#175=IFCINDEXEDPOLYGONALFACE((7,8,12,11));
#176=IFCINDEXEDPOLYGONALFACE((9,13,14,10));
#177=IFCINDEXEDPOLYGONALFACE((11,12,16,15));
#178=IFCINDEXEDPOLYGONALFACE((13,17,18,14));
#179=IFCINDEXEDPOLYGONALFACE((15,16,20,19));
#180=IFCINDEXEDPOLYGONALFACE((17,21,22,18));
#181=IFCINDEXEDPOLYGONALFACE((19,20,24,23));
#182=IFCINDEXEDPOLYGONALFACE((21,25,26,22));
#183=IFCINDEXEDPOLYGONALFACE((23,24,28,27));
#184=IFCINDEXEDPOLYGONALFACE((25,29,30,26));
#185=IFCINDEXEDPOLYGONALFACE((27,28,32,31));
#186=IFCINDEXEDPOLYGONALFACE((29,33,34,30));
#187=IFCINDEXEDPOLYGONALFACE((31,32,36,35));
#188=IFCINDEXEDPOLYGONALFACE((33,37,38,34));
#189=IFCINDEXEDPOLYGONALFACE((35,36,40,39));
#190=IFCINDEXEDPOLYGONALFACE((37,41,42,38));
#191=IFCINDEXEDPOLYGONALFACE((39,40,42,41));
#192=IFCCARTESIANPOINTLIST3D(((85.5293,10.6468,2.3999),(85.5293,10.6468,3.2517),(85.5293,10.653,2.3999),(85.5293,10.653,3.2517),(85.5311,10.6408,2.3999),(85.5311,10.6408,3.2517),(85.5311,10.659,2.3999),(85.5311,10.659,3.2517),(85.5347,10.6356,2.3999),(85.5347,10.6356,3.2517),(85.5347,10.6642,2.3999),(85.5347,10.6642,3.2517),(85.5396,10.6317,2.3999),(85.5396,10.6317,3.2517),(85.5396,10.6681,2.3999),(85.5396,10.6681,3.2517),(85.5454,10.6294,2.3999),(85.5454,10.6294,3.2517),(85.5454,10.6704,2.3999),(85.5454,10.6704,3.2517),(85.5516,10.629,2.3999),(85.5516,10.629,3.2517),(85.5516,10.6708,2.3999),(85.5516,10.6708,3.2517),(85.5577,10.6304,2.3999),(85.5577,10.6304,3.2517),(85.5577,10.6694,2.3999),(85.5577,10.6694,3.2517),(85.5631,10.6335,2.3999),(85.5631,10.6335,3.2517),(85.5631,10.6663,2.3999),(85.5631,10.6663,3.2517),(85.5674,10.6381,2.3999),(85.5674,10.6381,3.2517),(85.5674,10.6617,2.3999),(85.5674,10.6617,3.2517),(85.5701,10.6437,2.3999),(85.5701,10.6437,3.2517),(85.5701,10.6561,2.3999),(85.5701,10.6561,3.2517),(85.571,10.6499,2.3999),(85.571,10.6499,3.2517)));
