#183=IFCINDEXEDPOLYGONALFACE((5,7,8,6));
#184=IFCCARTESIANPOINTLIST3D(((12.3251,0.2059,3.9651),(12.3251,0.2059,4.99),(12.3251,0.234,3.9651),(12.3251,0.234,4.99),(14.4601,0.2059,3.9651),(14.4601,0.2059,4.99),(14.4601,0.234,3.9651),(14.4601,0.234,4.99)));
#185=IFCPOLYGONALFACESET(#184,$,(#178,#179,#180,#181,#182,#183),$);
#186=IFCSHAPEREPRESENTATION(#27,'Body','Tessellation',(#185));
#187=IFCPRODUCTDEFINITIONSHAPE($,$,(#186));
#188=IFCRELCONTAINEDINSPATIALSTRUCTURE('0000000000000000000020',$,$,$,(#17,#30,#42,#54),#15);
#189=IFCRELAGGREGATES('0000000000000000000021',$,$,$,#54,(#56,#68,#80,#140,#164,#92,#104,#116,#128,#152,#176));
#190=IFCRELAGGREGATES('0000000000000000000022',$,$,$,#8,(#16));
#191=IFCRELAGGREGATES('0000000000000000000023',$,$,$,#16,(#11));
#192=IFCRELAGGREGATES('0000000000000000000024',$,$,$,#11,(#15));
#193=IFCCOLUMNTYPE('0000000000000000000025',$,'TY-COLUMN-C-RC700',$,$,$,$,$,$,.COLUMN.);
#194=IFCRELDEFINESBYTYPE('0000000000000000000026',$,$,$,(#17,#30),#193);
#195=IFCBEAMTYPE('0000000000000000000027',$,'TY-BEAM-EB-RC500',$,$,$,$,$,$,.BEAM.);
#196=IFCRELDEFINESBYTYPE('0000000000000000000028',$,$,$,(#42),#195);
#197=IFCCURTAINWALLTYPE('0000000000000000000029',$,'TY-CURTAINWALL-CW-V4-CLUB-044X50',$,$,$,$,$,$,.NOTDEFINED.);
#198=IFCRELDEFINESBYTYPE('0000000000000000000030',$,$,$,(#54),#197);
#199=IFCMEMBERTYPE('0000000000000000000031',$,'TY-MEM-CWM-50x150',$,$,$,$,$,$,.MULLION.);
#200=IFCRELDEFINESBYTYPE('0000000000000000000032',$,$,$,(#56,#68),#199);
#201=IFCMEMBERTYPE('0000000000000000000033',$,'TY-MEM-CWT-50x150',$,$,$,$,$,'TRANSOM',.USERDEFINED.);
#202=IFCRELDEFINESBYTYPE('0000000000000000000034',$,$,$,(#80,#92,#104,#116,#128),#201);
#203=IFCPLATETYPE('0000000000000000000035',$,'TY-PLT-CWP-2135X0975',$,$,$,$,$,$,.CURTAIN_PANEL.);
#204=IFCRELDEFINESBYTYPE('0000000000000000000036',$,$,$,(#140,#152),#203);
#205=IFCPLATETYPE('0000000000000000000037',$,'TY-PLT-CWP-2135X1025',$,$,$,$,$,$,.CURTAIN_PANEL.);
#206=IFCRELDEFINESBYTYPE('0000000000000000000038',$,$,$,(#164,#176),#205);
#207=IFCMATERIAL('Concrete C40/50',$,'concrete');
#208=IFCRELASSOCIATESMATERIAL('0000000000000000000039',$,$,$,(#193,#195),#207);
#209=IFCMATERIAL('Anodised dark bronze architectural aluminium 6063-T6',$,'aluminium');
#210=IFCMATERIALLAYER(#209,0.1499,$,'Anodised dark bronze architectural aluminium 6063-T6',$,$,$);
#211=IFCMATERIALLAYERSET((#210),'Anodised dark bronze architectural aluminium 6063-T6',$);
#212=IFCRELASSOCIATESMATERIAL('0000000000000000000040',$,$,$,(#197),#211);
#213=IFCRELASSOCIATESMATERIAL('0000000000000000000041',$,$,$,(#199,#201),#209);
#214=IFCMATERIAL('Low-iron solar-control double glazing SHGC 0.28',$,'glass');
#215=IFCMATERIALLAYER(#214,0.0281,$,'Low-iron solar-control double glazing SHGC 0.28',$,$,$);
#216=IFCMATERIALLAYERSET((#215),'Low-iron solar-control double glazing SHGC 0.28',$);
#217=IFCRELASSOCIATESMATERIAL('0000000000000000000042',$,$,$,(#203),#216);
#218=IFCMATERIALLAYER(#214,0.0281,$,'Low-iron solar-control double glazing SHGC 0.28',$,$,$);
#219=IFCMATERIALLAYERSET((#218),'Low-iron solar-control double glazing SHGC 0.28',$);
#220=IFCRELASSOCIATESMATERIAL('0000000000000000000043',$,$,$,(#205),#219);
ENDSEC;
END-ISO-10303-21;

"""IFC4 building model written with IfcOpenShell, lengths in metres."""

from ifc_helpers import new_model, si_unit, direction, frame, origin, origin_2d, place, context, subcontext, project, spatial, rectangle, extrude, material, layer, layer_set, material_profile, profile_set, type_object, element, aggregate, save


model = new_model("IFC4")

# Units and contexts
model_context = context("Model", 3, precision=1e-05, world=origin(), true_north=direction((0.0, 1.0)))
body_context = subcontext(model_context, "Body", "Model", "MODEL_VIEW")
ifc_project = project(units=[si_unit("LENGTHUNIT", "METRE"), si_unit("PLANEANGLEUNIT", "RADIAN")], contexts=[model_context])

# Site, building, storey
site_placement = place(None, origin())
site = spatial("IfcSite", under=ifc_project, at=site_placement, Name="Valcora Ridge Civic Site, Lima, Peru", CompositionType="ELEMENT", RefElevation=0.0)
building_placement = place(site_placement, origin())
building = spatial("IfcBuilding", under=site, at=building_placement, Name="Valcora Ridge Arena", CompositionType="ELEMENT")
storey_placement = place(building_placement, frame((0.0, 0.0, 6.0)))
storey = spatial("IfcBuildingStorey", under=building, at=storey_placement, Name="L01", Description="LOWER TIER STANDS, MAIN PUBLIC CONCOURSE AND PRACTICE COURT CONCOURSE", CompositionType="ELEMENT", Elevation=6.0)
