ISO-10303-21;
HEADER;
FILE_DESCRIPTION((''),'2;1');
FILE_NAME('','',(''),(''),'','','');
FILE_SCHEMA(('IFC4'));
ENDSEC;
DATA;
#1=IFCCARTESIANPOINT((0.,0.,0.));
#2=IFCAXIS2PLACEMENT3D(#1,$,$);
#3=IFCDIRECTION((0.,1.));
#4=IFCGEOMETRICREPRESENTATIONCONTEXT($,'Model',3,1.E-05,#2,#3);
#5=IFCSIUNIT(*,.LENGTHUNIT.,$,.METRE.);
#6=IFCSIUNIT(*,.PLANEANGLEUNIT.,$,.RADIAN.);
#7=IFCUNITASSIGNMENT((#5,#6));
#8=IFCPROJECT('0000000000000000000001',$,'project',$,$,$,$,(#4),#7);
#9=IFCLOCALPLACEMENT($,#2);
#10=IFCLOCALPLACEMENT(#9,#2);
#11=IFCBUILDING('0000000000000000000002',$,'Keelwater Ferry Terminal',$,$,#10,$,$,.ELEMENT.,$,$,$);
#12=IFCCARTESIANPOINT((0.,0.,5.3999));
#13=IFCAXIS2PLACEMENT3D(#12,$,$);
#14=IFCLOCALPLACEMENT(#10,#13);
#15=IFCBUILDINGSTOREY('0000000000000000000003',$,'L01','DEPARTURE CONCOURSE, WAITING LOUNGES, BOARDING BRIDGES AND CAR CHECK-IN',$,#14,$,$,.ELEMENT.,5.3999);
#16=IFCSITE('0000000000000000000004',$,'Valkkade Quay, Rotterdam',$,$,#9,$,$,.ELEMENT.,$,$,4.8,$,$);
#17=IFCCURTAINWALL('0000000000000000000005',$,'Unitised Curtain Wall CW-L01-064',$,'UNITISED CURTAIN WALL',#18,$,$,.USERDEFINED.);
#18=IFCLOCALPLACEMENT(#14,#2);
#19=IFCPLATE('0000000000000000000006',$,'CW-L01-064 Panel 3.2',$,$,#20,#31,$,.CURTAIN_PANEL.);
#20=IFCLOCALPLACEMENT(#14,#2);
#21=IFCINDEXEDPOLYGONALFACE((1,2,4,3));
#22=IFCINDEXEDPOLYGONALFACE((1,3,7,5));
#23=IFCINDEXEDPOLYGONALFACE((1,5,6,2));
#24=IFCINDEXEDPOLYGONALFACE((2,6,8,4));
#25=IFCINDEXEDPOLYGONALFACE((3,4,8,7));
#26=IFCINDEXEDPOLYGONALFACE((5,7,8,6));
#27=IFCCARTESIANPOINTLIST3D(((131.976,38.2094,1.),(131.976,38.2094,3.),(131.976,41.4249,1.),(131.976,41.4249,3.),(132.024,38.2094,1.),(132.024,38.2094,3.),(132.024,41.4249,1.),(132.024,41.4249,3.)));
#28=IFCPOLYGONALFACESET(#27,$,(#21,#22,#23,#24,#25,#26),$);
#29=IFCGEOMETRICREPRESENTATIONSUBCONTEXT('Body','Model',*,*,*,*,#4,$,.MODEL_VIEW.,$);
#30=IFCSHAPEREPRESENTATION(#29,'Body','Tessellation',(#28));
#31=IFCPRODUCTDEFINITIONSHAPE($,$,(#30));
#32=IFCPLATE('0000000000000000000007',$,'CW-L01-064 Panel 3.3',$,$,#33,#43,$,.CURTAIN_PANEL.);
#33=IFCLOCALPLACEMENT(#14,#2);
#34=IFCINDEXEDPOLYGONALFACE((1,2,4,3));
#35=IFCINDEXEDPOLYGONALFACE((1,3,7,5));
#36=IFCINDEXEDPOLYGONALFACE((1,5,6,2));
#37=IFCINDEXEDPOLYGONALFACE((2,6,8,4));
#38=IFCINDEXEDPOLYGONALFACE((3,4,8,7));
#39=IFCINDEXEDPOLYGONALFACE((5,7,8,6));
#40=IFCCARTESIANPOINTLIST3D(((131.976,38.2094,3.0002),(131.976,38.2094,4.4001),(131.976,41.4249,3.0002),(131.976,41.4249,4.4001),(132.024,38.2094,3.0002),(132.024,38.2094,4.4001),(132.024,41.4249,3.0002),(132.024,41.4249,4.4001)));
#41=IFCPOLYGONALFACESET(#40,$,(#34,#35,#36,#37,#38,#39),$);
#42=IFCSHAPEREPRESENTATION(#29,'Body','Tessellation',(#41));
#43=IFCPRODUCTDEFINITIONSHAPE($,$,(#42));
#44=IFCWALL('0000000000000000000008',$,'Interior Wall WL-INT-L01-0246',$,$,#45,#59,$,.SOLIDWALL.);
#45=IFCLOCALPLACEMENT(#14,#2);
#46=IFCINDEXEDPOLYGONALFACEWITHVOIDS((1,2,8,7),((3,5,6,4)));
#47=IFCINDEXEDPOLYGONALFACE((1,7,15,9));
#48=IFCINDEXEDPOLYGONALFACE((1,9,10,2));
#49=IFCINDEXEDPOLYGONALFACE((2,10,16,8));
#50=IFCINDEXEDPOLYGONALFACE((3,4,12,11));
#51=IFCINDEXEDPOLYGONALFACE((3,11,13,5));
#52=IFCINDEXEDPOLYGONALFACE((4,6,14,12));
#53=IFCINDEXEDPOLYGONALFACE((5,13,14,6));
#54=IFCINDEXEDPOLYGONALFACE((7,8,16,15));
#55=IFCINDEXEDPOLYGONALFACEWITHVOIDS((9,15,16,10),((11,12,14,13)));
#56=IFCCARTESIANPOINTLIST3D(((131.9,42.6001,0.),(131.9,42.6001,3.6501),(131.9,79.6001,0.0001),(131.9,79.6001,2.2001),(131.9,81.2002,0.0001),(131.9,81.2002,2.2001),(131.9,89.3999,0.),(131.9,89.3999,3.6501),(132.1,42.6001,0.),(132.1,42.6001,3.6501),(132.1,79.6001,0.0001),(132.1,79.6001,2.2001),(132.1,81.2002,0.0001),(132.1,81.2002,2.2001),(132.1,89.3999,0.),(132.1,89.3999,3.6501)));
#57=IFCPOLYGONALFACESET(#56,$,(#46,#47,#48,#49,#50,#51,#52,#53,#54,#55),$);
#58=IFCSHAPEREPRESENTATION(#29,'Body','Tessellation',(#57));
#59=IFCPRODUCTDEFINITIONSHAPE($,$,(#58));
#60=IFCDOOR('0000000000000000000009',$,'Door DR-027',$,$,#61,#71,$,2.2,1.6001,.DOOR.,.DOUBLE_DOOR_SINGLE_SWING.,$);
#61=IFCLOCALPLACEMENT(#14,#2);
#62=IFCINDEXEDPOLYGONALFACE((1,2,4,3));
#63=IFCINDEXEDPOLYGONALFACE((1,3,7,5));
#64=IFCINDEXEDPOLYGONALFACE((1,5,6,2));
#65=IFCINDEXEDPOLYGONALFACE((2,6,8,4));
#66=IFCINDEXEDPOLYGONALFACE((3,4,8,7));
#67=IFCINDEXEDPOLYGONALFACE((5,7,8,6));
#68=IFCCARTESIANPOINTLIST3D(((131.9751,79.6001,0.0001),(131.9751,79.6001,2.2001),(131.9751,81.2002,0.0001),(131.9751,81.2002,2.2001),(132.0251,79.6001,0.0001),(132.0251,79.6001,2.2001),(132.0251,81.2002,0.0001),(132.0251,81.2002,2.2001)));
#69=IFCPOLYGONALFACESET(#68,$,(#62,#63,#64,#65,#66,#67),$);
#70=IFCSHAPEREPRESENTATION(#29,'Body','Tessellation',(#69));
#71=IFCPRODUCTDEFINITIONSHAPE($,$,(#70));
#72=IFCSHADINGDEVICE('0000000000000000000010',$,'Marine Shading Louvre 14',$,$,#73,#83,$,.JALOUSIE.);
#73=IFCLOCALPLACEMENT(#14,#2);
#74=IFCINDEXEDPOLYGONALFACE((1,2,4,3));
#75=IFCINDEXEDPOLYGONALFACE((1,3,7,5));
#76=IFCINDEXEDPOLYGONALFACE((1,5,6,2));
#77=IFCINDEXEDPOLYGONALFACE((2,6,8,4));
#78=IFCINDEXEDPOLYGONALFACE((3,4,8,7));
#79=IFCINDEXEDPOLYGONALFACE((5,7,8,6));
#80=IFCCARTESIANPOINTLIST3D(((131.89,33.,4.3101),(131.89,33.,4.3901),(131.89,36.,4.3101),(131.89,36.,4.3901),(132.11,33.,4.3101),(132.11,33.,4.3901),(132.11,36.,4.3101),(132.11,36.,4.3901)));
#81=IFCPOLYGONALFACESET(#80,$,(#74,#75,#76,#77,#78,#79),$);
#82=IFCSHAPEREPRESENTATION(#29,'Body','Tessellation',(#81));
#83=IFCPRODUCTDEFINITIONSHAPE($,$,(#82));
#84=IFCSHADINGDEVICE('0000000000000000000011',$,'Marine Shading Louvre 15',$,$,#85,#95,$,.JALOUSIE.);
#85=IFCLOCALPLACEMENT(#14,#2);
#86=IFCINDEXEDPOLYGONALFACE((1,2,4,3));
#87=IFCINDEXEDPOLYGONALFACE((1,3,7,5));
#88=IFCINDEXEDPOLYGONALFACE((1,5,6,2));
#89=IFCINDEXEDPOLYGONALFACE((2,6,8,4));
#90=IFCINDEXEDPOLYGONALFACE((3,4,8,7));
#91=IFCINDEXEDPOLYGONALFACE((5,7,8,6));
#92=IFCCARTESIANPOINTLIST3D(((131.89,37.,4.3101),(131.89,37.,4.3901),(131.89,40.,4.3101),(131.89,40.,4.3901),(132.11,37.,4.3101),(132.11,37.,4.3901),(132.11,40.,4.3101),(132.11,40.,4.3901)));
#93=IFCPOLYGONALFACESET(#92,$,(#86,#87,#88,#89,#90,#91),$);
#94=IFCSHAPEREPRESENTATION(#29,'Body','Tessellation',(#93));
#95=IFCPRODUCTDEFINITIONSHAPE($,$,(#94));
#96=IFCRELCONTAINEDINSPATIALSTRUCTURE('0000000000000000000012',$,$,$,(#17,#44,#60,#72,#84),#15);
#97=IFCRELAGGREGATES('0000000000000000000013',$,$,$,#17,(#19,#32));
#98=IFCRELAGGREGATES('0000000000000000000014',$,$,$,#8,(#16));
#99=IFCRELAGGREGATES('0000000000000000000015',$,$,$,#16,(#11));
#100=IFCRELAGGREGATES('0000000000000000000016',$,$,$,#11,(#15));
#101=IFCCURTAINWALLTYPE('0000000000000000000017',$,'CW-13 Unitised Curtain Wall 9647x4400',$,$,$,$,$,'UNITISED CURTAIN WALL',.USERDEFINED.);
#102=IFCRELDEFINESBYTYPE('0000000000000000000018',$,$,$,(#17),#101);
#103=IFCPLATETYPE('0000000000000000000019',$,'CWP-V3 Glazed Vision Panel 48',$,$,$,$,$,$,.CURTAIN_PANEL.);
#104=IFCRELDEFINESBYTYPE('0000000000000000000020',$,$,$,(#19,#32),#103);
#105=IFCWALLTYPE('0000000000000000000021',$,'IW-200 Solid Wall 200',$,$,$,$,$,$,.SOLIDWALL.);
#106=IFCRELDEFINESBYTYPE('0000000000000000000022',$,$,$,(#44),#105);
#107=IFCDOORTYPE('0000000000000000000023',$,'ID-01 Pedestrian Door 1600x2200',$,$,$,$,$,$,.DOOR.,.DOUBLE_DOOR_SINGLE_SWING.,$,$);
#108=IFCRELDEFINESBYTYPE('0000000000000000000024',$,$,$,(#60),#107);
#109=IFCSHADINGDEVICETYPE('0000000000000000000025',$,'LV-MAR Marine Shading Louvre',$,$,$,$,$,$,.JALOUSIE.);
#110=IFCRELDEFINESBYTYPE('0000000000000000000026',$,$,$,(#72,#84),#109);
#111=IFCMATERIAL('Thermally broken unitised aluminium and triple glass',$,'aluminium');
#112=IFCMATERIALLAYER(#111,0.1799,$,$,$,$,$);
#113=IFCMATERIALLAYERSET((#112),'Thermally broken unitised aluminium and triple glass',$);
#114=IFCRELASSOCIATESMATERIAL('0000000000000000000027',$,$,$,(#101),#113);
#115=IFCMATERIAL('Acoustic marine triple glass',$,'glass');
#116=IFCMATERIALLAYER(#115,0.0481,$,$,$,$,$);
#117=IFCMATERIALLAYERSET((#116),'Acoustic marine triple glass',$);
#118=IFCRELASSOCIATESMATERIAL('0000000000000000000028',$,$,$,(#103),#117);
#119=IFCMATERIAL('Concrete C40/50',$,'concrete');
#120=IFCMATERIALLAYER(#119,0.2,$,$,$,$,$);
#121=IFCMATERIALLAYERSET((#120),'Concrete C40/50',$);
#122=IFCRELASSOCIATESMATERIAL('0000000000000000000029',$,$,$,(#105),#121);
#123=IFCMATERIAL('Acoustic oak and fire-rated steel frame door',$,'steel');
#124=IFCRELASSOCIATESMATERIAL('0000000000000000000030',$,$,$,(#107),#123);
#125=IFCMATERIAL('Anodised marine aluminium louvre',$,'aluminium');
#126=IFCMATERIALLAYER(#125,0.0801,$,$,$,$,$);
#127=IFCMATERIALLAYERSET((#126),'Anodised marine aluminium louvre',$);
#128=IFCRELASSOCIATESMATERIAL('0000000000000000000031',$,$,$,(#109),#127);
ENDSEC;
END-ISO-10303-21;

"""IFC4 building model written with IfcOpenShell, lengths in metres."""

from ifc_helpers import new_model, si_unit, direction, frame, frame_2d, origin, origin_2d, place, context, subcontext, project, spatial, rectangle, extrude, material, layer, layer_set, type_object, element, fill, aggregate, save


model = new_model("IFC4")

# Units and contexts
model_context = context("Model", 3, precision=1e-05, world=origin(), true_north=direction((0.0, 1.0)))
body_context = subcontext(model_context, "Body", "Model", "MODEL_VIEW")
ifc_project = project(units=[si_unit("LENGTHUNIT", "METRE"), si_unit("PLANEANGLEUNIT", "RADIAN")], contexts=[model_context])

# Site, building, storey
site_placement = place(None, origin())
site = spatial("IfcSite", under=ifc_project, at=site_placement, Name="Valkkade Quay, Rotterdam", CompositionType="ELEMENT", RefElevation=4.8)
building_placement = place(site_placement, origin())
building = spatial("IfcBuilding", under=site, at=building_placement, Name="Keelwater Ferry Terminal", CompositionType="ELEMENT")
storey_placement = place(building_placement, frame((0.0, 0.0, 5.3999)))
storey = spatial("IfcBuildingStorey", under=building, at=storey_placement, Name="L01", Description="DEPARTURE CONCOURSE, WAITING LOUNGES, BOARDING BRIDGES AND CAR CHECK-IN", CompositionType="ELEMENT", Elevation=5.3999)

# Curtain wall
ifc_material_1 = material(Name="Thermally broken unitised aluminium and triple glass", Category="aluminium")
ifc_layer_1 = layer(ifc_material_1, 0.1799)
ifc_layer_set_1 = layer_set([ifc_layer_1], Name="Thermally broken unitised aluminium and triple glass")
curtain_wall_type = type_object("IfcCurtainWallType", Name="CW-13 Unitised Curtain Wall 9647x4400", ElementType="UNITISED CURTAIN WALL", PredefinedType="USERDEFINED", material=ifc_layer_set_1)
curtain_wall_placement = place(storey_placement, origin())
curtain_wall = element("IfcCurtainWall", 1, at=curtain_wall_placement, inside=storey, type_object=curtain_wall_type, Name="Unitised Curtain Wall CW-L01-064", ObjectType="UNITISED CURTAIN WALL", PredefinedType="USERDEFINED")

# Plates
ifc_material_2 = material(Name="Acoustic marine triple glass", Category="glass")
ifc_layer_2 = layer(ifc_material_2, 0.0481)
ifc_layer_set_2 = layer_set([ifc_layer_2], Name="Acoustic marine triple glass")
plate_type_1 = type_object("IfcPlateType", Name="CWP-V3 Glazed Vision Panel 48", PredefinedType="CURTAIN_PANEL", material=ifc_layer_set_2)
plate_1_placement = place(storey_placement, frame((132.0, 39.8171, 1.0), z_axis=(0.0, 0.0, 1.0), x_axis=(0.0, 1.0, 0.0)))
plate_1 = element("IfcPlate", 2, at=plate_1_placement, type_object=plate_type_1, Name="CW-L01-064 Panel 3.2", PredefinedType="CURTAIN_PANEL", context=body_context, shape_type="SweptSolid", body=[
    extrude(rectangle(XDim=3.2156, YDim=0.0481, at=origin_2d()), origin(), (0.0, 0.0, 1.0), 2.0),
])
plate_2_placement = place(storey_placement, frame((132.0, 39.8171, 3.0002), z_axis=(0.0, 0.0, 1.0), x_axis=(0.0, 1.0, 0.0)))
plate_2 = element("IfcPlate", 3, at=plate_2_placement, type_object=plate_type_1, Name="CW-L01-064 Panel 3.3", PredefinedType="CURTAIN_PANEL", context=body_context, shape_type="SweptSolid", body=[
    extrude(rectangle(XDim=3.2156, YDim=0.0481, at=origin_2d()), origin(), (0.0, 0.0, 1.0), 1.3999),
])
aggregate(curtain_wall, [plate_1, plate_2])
--------------------------------
▸ Task instructions:
Please go through the data above and copy each line that has the word "IFCRELASSOCIATESMATERIAL".

▸ Answer box:
#208=IFCRELASSOCIATESMATERIAL('0000000000000000000039',$,$,$,(#193,#195),#207);
#212=IFCRELASSOCIATESMATERIAL('0000000000000000000040',$,$,$,(#197),#211);
#213=IFCRELASSOCIATESMATERIAL('0000000000000000000041',$,$,$,(#199,#201),#209);
#217=IFCRELASSOCIATESMATERIAL('0000000000000000000042',$,$,$,(#203),#216);
#220=IFCRELASSOCIATESMATERIAL('0000000000000000000043',$,$,$,(#205),#219);
#114=IFCRELASSOCIATESMATERIAL('0000000000000000000027',$,$,$,(#101),#113);
#118=IFCRELASSOCIATESMATERIAL('0000000000000000000028',$,$,$,(#103),#117);
#122=IFCRELASSOCIATESMATERIAL('0000000000000000000029',$,$,$,(#105),#121);
#124=IFCRELASSOCIATESMATERIAL('0000000000000000000030',$,$,$,(#107),#123);
#128=IFCRELASSOCIATESMATERIAL('0000000000000000000031',$,$,$,(#109),#127);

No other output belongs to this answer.